- Information supplied -
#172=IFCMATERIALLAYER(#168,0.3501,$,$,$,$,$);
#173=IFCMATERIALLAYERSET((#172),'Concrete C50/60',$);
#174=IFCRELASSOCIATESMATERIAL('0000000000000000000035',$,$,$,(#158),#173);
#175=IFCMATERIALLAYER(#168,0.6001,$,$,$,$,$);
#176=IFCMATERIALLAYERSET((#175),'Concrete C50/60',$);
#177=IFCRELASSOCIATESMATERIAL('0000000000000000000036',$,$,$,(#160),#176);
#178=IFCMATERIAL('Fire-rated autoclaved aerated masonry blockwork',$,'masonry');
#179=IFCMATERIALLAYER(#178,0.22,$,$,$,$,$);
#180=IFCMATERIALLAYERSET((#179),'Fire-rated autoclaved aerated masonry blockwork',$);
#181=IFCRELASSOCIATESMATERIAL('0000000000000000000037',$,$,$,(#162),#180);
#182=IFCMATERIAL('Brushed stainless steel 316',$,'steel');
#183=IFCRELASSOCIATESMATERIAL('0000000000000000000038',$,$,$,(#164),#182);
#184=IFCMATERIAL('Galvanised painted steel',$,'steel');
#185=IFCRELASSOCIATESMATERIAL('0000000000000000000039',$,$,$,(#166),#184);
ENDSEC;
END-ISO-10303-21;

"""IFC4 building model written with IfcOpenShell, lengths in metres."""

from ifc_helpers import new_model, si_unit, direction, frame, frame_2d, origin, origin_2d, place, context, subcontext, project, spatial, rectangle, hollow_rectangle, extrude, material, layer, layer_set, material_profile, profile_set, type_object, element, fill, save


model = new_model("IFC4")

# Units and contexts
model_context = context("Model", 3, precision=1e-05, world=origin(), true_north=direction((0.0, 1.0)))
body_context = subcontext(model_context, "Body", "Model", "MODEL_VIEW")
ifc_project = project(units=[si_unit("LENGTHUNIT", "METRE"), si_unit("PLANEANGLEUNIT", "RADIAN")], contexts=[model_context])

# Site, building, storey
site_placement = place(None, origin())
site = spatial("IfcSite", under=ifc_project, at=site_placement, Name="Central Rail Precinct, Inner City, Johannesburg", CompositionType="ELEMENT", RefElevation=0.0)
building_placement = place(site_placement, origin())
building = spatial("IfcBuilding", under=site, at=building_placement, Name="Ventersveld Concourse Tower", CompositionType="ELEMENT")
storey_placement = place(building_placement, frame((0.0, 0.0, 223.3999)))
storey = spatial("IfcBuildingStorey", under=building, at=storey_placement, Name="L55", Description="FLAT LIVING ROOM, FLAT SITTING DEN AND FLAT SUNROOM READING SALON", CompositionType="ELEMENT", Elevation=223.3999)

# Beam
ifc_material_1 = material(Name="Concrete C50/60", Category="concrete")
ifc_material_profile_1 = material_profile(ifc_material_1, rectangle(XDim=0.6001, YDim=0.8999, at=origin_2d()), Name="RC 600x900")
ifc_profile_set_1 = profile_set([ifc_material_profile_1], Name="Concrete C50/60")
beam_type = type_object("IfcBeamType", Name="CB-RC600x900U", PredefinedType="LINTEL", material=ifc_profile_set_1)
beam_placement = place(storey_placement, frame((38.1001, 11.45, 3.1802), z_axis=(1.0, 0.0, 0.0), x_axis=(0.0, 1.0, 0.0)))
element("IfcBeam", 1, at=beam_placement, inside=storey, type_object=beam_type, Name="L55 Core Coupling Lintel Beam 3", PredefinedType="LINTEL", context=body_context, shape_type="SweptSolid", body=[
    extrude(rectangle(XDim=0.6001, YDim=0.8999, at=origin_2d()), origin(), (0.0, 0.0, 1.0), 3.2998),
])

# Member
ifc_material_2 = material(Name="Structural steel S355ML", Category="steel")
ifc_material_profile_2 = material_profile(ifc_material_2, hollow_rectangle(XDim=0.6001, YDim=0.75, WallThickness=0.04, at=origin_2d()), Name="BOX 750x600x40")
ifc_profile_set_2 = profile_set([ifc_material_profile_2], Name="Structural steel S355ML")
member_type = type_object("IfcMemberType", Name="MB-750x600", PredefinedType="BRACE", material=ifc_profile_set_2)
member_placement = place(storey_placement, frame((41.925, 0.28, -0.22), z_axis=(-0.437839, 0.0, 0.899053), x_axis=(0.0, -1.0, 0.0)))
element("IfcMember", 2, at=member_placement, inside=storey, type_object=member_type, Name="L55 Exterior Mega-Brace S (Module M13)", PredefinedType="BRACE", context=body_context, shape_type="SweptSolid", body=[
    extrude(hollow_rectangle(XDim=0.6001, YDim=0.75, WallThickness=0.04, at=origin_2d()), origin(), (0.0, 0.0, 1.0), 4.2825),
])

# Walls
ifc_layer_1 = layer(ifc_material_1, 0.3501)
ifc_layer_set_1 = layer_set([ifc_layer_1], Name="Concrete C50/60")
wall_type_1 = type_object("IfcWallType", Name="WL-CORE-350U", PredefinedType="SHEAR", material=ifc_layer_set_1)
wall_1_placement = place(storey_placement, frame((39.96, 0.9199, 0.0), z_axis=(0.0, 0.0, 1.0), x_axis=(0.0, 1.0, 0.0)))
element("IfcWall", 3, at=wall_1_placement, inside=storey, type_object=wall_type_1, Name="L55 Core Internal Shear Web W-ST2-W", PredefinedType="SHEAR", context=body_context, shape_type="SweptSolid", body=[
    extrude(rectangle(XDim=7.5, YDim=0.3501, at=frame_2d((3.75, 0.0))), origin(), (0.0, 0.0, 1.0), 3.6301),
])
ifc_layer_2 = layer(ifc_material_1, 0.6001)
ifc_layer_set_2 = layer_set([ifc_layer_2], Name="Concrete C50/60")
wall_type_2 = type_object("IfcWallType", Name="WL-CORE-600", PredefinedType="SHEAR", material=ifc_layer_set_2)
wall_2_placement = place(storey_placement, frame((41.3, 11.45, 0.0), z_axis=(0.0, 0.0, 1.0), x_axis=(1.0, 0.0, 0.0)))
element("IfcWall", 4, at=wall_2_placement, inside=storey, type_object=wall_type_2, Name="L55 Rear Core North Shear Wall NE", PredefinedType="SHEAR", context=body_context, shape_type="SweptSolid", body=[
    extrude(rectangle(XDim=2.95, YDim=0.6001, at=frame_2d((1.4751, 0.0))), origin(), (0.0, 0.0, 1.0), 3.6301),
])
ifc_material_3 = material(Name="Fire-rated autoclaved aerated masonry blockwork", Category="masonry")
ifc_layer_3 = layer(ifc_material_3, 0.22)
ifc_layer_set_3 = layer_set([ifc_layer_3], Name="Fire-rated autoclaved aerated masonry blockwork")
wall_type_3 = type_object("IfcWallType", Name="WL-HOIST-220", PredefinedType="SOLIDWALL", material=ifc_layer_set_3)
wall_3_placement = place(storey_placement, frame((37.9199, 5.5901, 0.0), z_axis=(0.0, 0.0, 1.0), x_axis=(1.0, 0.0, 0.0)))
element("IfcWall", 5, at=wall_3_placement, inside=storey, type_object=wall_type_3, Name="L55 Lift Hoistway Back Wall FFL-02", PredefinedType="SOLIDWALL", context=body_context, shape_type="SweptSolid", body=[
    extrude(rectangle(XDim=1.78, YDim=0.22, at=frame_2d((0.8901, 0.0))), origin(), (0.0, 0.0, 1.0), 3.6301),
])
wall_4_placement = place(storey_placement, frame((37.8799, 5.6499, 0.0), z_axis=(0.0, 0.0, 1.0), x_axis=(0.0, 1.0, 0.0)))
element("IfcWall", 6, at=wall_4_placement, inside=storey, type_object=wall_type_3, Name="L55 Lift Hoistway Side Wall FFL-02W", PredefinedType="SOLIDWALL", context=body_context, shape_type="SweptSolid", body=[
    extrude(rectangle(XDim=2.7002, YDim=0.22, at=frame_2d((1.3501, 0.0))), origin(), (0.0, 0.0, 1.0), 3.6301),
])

- Exercise aim -
Copy the whole listing out exactly, so that every line matches what is above.

- Solution to the problem -
#172=IFCMATERIALLAYER(#168,0.3501,$,$,$,$,$);
#173=IFCMATERIALLAYERSET((#172),'Concrete C50/60',$);
#174=IFCRELASSOCIATESMATERIAL('0000000000000000000035',$,$,$,(#158),#173);
#175=IFCMATERIALLAYER(#168,0.6001,$,$,$,$,$);
#176=IFCMATERIALLAYERSET((#175),'Concrete C50/60',$);
#177=IFCRELASSOCIATESMATERIAL('0000000000000000000036',$,$,$,(#160),#176);
#178=IFCMATERIAL('Fire-rated autoclaved aerated masonry blockwork',$,'masonry');
#179=IFCMATERIALLAYER(#178,0.22,$,$,$,$,$);
#180=IFCMATERIALLAYERSET((#179),'Fire-rated autoclaved aerated masonry blockwork',$);
#181=IFCRELASSOCIATESMATERIAL('0000000000000000000037',$,$,$,(#162),#180);
#182=IFCMATERIAL('Brushed stainless steel 316',$,'steel');
#183=IFCRELASSOCIATESMATERIAL('0000000000000000000038',$,$,$,(#164),#182);
#184=IFCMATERIAL('Galvanised painted steel',$,'steel');
#185=IFCRELASSOCIATESMATERIAL('0000000000000000000039',$,$,$,(#166),#184);
ENDSEC;
END-ISO-10303-21;

"""IFC4 building model written with IfcOpenShell, lengths in metres."""

from ifc_helpers import new_model, si_unit, direction, frame, frame_2d, origin, origin_2d, place, context, subcontext, project, spatial, rectangle, hollow_rectangle, extrude, material, layer, layer_set, material_profile, profile_set, type_object, element, fill, save


model = new_model("IFC4")

# Units and contexts
model_context = context("Model", 3, precision=1e-05, world=origin(), true_north=direction((0.0, 1.0)))
body_context = subcontext(model_context, "Body", "Model", "MODEL_VIEW")
ifc_project = project(units=[si_unit("LENGTHUNIT", "METRE"), si_unit("PLANEANGLEUNIT", "RADIAN")], contexts=[model_context])

# Site, building, storey
site_placement = place(None, origin())
site = spatial("IfcSite", under=ifc_project, at=site_placement, Name="Central Rail Precinct, Inner City, Johannesburg", CompositionType="ELEMENT", RefElevation=0.0)
building_placement = place(site_placement, origin())
building = spatial("IfcBuilding", under=site, at=building_placement, Name="Ventersveld Concourse Tower", CompositionType="ELEMENT")
storey_placement = place(building_placement, frame((0.0, 0.0, 223.3999)))
storey = spatial("IfcBuildingStorey", under=building, at=storey_placement, Name="L55", Description="FLAT LIVING ROOM, FLAT SITTING DEN AND FLAT SUNROOM READING SALON", CompositionType="ELEMENT", Elevation=223.3999)

# Beam
ifc_material_1 = material(Name="Concrete C50/60", Category="concrete")
ifc_material_profile_1 = material_profile(ifc_material_1, rectangle(XDim=0.6001, YDim=0.8999, at=origin_2d()), Name="RC 600x900")
ifc_profile_set_1 = profile_set([ifc_material_profile_1], Name="Concrete C50/60")
beam_type = type_object("IfcBeamType", Name="CB-RC600x900U", PredefinedType="LINTEL", material=ifc_profile_set_1)
beam_placement = place(storey_placement, frame((38.1001, 11.45, 3.1802), z_axis=(1.0, 0.0, 0.0), x_axis=(0.0, 1.0, 0.0)))
element("IfcBeam", 1, at=beam_placement, inside=storey, type_object=beam_type, Name="L55 Core Coupling Lintel Beam 3", PredefinedType="LINTEL", context=body_context, shape_type="SweptSolid", body=[
    extrude(rectangle(XDim=0.6001, YDim=0.8999, at=origin_2d()), origin(), (0.0, 0.0, 1.0), 3.2998),
])

# Member
ifc_material_2 = material(Name="Structural steel S355ML", Category="steel")
ifc_material_profile_2 = material_profile(ifc_material_2, hollow_rectangle(XDim=0.6001, YDim=0.75, WallThickness=0.04, at=origin_2d()), Name="BOX 750x600x40")
ifc_profile_set_2 = profile_set([ifc_material_profile_2], Name="Structural steel S355ML")
member_type = type_object("IfcMemberType", Name="MB-750x600", PredefinedType="BRACE", material=ifc_profile_set_2)
member_placement = place(storey_placement, frame((41.925, 0.28, -0.22), z_axis=(-0.437839, 0.0, 0.899053), x_axis=(0.0, -1.0, 0.0)))
element("IfcMember", 2, at=member_placement, inside=storey, type_object=member_type, Name="L55 Exterior Mega-Brace S (Module M13)", PredefinedType="BRACE", context=body_context, shape_type="SweptSolid", body=[
    extrude(hollow_rectangle(XDim=0.6001, YDim=0.75, WallThickness=0.04, at=origin_2d()), origin(), (0.0, 0.0, 1.0), 4.2825),
])

# Walls
ifc_layer_1 = layer(ifc_material_1, 0.3501)
ifc_layer_set_1 = layer_set([ifc_layer_1], Name="Concrete C50/60")
wall_type_1 = type_object("IfcWallType", Name="WL-CORE-350U", PredefinedType="SHEAR", material=ifc_layer_set_1)
wall_1_placement = place(storey_placement, frame((39.96, 0.9199, 0.0), z_axis=(0.0, 0.0, 1.0), x_axis=(0.0, 1.0, 0.0)))
element("IfcWall", 3, at=wall_1_placement, inside=storey, type_object=wall_type_1, Name="L55 Core Internal Shear Web W-ST2-W", PredefinedType="SHEAR", context=body_context, shape_type="SweptSolid", body=[
    extrude(rectangle(XDim=7.5, YDim=0.3501, at=frame_2d((3.75, 0.0))), origin(), (0.0, 0.0, 1.0), 3.6301),
])
ifc_layer_2 = layer(ifc_material_1, 0.6001)
ifc_layer_set_2 = layer_set([ifc_layer_2], Name="Concrete C50/60")
wall_type_2 = type_object("IfcWallType", Name="WL-CORE-600", PredefinedType="SHEAR", material=ifc_layer_set_2)
wall_2_placement = place(storey_placement, frame((41.3, 11.45, 0.0), z_axis=(0.0, 0.0, 1.0), x_axis=(1.0, 0.0, 0.0)))
element("IfcWall", 4, at=wall_2_placement, inside=storey, type_object=wall_type_2, Name="L55 Rear Core North Shear Wall NE", PredefinedType="SHEAR", context=body_context, shape_type="SweptSolid", body=[
    extrude(rectangle(XDim=2.95, YDim=0.6001, at=frame_2d((1.4751, 0.0))), origin(), (0.0, 0.0, 1.0), 3.6301),
])
ifc_material_3 = material(Name="Fire-rated autoclaved aerated masonry blockwork", Category="masonry")
ifc_layer_3 = layer(ifc_material_3, 0.22)
ifc_layer_set_3 = layer_set([ifc_layer_3], Name="Fire-rated autoclaved aerated masonry blockwork")
wall_type_3 = type_object("IfcWallType", Name="WL-HOIST-220", PredefinedType="SOLIDWALL", material=ifc_layer_set_3)
wall_3_placement = place(storey_placement, frame((37.9199, 5.5901, 0.0), z_axis=(0.0, 0.0, 1.0), x_axis=(1.0, 0.0, 0.0)))
element("IfcWall", 5, at=wall_3_placement, inside=storey, type_object=wall_type_3, Name="L55 Lift Hoistway Back Wall FFL-02", PredefinedType="SOLIDWALL", context=body_context, shape_type="SweptSolid", body=[
    extrude(rectangle(XDim=1.78, YDim=0.22, at=frame_2d((0.8901, 0.0))), origin(), (0.0, 0.0, 1.0), 3.6301),
])
wall_4_placement = place(storey_placement, frame((37.8799, 5.6499, 0.0), z_axis=(0.0, 0.0, 1.0), x_axis=(0.0, 1.0, 0.0)))
element("IfcWall", 6, at=wall_4_placement, inside=storey, type_object=wall_type_3, Name="L55 Lift Hoistway Side Wall FFL-02W", PredefinedType="SOLIDWALL", context=body_context, shape_type="SweptSolid", body=[
    extrude(rectangle(XDim=2.7002, YDim=0.22, at=frame_2d((1.3501, 0.0))), origin(), (0.0, 0.0, 1.0), 3.6301),
])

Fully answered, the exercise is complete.